* _Prompt_:
Below are the records; tally the lines in them that include the word "IFCINDEXEDPOLYGONALFACEWITHVOIDS" and reply with the number alone.

==============================

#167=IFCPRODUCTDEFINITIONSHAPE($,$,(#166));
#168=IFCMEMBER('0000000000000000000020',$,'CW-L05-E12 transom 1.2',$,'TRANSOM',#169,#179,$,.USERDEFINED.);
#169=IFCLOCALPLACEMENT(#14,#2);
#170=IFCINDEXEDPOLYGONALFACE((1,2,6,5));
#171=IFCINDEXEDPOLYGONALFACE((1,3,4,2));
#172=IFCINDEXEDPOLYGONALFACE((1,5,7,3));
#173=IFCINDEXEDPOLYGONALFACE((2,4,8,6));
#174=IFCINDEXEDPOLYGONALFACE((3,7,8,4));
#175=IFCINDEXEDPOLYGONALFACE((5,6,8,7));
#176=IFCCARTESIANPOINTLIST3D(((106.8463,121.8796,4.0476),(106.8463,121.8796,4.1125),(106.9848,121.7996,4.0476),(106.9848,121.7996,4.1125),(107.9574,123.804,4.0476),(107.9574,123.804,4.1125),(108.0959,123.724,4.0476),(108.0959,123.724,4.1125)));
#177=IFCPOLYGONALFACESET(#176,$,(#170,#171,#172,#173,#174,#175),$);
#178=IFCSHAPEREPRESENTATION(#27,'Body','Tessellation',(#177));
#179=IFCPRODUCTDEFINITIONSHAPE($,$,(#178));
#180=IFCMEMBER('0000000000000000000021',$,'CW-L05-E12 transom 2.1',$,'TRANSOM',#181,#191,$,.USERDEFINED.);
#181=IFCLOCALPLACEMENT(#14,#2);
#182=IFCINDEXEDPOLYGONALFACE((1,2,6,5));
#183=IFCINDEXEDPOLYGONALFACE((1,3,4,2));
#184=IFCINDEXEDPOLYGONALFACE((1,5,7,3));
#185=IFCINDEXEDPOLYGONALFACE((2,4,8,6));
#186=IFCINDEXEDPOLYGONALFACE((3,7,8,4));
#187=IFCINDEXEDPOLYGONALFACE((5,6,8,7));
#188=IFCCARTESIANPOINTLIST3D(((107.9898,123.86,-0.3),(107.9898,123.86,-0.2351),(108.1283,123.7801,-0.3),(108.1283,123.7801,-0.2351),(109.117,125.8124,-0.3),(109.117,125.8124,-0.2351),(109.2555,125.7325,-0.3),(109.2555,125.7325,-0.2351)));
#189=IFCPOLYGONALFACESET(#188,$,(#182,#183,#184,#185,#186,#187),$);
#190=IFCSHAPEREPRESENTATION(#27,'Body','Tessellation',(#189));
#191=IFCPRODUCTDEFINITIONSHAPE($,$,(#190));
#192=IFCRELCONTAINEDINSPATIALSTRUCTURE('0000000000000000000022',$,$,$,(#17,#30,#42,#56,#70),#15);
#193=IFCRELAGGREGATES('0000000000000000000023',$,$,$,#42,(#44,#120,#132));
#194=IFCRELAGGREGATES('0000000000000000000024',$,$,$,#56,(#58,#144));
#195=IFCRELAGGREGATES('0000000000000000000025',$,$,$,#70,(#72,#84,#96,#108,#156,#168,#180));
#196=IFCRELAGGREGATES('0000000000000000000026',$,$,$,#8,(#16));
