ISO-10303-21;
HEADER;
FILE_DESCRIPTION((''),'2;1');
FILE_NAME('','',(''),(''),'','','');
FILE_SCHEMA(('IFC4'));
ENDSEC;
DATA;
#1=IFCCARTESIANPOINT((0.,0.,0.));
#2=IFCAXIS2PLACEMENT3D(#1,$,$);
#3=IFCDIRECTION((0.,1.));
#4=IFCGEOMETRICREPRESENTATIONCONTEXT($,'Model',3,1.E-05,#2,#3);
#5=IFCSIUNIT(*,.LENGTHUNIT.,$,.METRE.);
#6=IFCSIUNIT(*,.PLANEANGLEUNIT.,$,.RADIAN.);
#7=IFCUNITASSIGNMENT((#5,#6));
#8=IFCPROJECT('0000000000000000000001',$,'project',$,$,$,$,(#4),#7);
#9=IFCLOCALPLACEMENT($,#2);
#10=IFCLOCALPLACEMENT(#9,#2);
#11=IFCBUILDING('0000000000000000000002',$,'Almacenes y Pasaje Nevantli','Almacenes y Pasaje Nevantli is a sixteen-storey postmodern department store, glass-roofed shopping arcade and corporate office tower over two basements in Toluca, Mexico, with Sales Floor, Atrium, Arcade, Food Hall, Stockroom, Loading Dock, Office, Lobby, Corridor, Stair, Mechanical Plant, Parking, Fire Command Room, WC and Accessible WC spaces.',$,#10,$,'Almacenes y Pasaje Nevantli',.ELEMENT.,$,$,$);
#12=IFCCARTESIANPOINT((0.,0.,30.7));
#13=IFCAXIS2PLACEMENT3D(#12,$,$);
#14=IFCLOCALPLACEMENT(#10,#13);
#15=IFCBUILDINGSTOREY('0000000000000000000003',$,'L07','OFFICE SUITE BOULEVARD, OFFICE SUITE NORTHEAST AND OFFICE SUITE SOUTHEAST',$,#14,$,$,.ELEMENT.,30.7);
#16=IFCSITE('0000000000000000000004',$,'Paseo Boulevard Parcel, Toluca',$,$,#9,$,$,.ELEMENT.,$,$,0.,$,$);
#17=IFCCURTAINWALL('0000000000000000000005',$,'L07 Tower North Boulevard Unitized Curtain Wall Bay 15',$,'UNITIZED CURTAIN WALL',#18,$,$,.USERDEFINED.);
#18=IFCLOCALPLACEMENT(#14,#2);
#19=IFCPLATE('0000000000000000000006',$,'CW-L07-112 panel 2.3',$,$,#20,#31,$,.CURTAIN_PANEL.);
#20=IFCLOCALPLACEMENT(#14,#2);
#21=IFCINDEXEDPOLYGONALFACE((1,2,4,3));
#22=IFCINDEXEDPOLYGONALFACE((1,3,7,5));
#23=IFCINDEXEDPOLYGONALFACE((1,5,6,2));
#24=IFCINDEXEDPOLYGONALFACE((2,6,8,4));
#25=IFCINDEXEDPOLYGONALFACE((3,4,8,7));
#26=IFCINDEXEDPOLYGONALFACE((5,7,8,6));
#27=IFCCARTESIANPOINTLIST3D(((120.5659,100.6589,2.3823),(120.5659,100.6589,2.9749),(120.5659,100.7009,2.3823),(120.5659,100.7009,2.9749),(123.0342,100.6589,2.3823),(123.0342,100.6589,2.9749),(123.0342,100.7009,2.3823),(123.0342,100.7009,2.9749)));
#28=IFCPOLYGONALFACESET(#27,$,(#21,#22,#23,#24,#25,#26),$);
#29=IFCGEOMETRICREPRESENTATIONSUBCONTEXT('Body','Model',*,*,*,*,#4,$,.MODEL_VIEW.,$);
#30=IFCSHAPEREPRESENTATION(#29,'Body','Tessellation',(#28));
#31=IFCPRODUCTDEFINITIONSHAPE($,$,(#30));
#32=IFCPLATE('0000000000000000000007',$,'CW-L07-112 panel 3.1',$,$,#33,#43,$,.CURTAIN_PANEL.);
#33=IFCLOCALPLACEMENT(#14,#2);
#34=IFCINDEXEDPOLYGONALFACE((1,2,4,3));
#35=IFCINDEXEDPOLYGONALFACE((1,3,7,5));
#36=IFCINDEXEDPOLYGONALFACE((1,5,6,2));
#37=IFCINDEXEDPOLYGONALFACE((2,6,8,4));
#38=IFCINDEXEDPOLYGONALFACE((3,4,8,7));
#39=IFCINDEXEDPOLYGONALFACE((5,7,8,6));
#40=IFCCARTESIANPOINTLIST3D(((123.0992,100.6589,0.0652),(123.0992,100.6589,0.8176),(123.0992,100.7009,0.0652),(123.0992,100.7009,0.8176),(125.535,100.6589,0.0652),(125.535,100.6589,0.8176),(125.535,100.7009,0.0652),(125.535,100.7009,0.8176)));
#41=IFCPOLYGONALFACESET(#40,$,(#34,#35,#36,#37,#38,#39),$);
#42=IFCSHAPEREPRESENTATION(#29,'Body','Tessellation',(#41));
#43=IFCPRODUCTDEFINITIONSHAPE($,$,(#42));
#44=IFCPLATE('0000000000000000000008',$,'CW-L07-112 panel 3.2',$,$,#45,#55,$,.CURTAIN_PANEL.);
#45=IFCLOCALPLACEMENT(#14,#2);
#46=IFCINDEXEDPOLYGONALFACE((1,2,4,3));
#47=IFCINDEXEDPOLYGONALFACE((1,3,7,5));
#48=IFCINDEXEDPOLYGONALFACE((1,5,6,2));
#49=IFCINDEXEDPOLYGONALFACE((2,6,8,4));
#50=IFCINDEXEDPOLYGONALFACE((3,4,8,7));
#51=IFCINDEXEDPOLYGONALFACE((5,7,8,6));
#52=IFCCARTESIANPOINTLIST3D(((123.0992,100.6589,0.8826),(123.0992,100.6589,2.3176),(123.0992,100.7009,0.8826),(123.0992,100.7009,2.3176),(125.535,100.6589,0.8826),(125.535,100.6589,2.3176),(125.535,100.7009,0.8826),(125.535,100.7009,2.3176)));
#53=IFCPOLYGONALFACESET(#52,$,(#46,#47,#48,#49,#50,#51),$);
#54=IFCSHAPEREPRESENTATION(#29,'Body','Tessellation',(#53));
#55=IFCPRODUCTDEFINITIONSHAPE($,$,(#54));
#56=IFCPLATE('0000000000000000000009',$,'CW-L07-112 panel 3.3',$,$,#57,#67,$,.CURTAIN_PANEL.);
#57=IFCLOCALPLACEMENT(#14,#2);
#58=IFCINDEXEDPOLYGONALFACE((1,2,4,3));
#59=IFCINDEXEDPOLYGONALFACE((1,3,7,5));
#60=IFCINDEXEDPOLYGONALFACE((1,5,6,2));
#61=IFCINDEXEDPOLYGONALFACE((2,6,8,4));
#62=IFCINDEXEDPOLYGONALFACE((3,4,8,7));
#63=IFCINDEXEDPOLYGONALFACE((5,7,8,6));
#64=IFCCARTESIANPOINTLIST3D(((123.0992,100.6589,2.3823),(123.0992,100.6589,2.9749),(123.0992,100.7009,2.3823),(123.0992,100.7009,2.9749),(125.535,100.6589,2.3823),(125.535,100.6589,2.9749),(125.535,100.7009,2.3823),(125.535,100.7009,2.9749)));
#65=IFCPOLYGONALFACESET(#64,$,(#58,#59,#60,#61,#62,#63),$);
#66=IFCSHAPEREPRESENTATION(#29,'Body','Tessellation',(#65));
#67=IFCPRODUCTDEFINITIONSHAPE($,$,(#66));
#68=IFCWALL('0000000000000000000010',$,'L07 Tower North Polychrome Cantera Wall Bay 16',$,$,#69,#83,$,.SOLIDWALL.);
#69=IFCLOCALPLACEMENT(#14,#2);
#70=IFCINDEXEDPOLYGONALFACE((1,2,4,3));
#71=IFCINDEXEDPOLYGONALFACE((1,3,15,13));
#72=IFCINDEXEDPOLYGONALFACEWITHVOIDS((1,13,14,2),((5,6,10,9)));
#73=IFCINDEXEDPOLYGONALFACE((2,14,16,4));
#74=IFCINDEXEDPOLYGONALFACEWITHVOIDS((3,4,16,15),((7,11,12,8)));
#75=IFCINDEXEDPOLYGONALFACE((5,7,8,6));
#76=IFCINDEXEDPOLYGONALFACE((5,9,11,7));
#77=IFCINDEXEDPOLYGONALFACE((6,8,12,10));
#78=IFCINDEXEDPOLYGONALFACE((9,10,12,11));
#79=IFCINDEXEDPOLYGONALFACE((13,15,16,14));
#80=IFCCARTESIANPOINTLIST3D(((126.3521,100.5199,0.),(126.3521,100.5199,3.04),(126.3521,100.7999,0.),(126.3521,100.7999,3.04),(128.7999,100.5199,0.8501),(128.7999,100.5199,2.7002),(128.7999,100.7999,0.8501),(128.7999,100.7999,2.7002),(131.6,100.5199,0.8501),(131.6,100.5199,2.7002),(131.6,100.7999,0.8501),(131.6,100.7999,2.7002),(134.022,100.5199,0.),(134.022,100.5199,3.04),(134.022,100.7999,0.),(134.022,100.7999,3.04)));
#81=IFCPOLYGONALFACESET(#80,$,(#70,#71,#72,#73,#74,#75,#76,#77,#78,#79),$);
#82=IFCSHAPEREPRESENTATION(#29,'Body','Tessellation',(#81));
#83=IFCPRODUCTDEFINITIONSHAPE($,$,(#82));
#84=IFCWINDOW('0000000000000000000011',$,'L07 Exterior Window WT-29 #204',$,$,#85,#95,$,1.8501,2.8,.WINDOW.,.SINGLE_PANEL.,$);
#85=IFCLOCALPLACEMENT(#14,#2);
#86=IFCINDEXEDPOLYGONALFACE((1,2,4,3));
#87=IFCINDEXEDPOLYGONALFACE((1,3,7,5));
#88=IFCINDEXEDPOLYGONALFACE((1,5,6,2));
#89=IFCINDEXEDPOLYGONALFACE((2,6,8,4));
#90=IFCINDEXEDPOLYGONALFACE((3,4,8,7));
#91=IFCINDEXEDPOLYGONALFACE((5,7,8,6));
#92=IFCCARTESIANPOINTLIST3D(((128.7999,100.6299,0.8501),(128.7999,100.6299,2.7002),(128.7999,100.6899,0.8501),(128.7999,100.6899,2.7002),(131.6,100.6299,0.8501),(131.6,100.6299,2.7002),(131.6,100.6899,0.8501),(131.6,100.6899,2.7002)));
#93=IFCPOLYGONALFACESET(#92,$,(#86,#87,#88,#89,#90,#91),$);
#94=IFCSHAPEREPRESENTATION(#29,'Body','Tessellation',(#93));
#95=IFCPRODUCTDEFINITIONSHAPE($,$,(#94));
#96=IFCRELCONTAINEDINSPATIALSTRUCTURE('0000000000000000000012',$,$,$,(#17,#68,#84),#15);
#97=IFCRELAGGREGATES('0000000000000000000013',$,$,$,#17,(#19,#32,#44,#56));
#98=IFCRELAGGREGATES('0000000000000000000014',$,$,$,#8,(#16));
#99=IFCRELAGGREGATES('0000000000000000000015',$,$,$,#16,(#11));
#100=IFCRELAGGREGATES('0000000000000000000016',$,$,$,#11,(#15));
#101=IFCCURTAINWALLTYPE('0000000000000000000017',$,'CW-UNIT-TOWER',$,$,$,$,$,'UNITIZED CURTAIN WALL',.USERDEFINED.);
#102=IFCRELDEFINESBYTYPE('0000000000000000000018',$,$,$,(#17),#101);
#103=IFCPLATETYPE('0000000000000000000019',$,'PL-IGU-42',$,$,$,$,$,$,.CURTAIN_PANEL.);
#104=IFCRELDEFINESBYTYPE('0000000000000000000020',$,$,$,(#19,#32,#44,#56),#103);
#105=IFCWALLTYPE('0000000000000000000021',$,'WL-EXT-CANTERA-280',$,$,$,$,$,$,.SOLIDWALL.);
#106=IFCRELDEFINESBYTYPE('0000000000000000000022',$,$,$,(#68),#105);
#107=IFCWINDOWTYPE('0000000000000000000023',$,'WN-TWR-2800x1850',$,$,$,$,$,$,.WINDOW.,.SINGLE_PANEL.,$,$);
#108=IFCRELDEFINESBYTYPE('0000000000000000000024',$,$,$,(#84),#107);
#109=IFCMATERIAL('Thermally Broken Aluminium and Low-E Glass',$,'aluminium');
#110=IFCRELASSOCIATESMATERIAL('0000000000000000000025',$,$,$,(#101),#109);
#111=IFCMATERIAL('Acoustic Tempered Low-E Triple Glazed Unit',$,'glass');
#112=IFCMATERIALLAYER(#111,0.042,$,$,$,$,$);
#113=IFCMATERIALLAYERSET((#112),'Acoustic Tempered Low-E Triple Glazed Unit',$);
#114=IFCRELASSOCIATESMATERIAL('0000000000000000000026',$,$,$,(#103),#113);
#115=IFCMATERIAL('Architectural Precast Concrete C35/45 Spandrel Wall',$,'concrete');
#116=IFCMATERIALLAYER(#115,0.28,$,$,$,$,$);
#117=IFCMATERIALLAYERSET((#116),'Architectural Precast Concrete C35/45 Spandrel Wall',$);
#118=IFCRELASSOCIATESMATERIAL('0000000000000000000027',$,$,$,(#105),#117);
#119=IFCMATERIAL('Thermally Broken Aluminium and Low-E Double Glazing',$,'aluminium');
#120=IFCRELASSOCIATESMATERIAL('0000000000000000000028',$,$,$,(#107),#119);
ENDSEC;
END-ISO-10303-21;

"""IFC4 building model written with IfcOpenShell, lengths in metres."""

from ifc_helpers import new_model, si_unit, direction, frame, frame_2d, origin, origin_2d, place, context, subcontext, project, spatial, rectangle, extrude, material, layer, layer_set, type_object, element, fill, aggregate, save


model = new_model("IFC4")

# Units and contexts
model_context = context("Model", 3, precision=1e-05, world=origin(), true_north=direction((0.0, 1.0)))
body_context = subcontext(model_context, "Body", "Model", "MODEL_VIEW")
ifc_project = project(units=[si_unit("LENGTHUNIT", "METRE"), si_unit("PLANEANGLEUNIT", "RADIAN")], contexts=[model_context])

# Site, building, storey
site_placement = place(None, origin())
site = spatial("IfcSite", under=ifc_project, at=site_placement, Name="Paseo Boulevard Parcel, Toluca", CompositionType="ELEMENT", RefElevation=0.0)
building_placement = place(site_placement, origin())
building = spatial("IfcBuilding", under=site, at=building_placement, Name="Almacenes y Pasaje Nevantli", Description="Almacenes y Pasaje Nevantli is a sixteen-storey postmodern department store, glass-roofed shopping arcade and corporate office tower over two basements in Toluca, Mexico, with Sales Floor, Atrium, Arcade, Food Hall, Stockroom, Loading Dock, Office, Lobby, Corridor, Stair, Mechanical Plant, Parking, Fire Command Room, WC and Accessible WC spaces.", LongName="Almacenes y Pasaje Nevantli", CompositionType="ELEMENT")
storey_placement = place(building_placement, frame((0.0, 0.0, 30.7)))
storey = spatial("IfcBuildingStorey", under=building, at=storey_placement, Name="L07", Description="OFFICE SUITE BOULEVARD, OFFICE SUITE NORTHEAST AND OFFICE SUITE SOUTHEAST", CompositionType="ELEMENT", Elevation=30.7)

# Curtain wall, plates
ifc_material_1 = material(Name="Thermally Broken Aluminium and Low-E Glass", Category="aluminium")
curtain_wall_type = type_object("IfcCurtainWallType", Name="CW-UNIT-TOWER", ElementType="UNITIZED CURTAIN WALL", PredefinedType="USERDEFINED", material=ifc_material_1)
curtain_wall_placement = place(storey_placement, origin())
curtain_wall = element("IfcCurtainWall", 1, at=curtain_wall_placement, inside=storey, type_object=curtain_wall_type, Name="L07 Tower North Boulevard Unitized Curtain Wall Bay 15", ObjectType="UNITIZED CURTAIN WALL", PredefinedType="USERDEFINED")
ifc_material_2 = material(Name="Acoustic Tempered Low-E Triple Glazed Unit", Category="glass")
ifc_layer_1 = layer(ifc_material_2, 0.042)
ifc_layer_set_1 = layer_set([ifc_layer_1], Name="Acoustic Tempered Low-E Triple Glazed Unit")
plate_type = type_object("IfcPlateType", Name="PL-IGU-42", PredefinedType="CURTAIN_PANEL", material=ifc_layer_set_1)
plate_1_placement = place(storey_placement, frame((121.8, 100.6799, 2.3823), z_axis=(0.0, 0.0, 1.0), x_axis=(1.0, 0.0, 0.0)))
plate_1 = element("IfcPlate", 2, at=plate_1_placement, type_object=plate_type, Name="CW-L07-112 panel 2.3", PredefinedType="CURTAIN_PANEL", context=body_context, shape_type="SweptSolid", body=[
    extrude(rectangle(XDim=2.4683, YDim=0.042, at=origin_2d()), origin(), (0.0, 0.0, 1.0), 0.5925),
])
plate_2_placement = place(storey_placement, frame((124.3171, 100.6799, 0.0652), z_axis=(0.0, 0.0, 1.0), x_axis=(1.0, 0.0, 0.0)))
plate_2 = element("IfcPlate", 3, at=plate_2_placement, type_object=plate_type, Name="CW-L07-112 panel 3.1", PredefinedType="CURTAIN_PANEL", context=body_context, shape_type="SweptSolid", body=[
    extrude(rectangle(XDim=2.4358, YDim=0.042, at=origin_2d()), origin(), (0.0, 0.0, 1.0), 0.7524),
])
plate_3_placement = place(storey_placement, frame((124.3171, 100.6799, 0.8826), z_axis=(0.0, 0.0, 1.0), x_axis=(1.0, 0.0, 0.0)))
plate_3 = element("IfcPlate", 4, at=plate_3_placement, type_object=plate_type, Name="CW-L07-112 panel 3.2", PredefinedType="CURTAIN_PANEL", context=body_context, shape_type="SweptSolid", body=[
    extrude(rectangle(XDim=2.4358, YDim=0.042, at=origin_2d()), origin(), (0.0, 0.0, 1.0), 1.4351),
])
plate_4_placement = place(storey_placement, frame((124.3171, 100.6799, 2.3823), z_axis=(0.0, 0.0, 1.0), x_axis=(1.0, 0.0, 0.0)))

==============================

* _Task output_:
2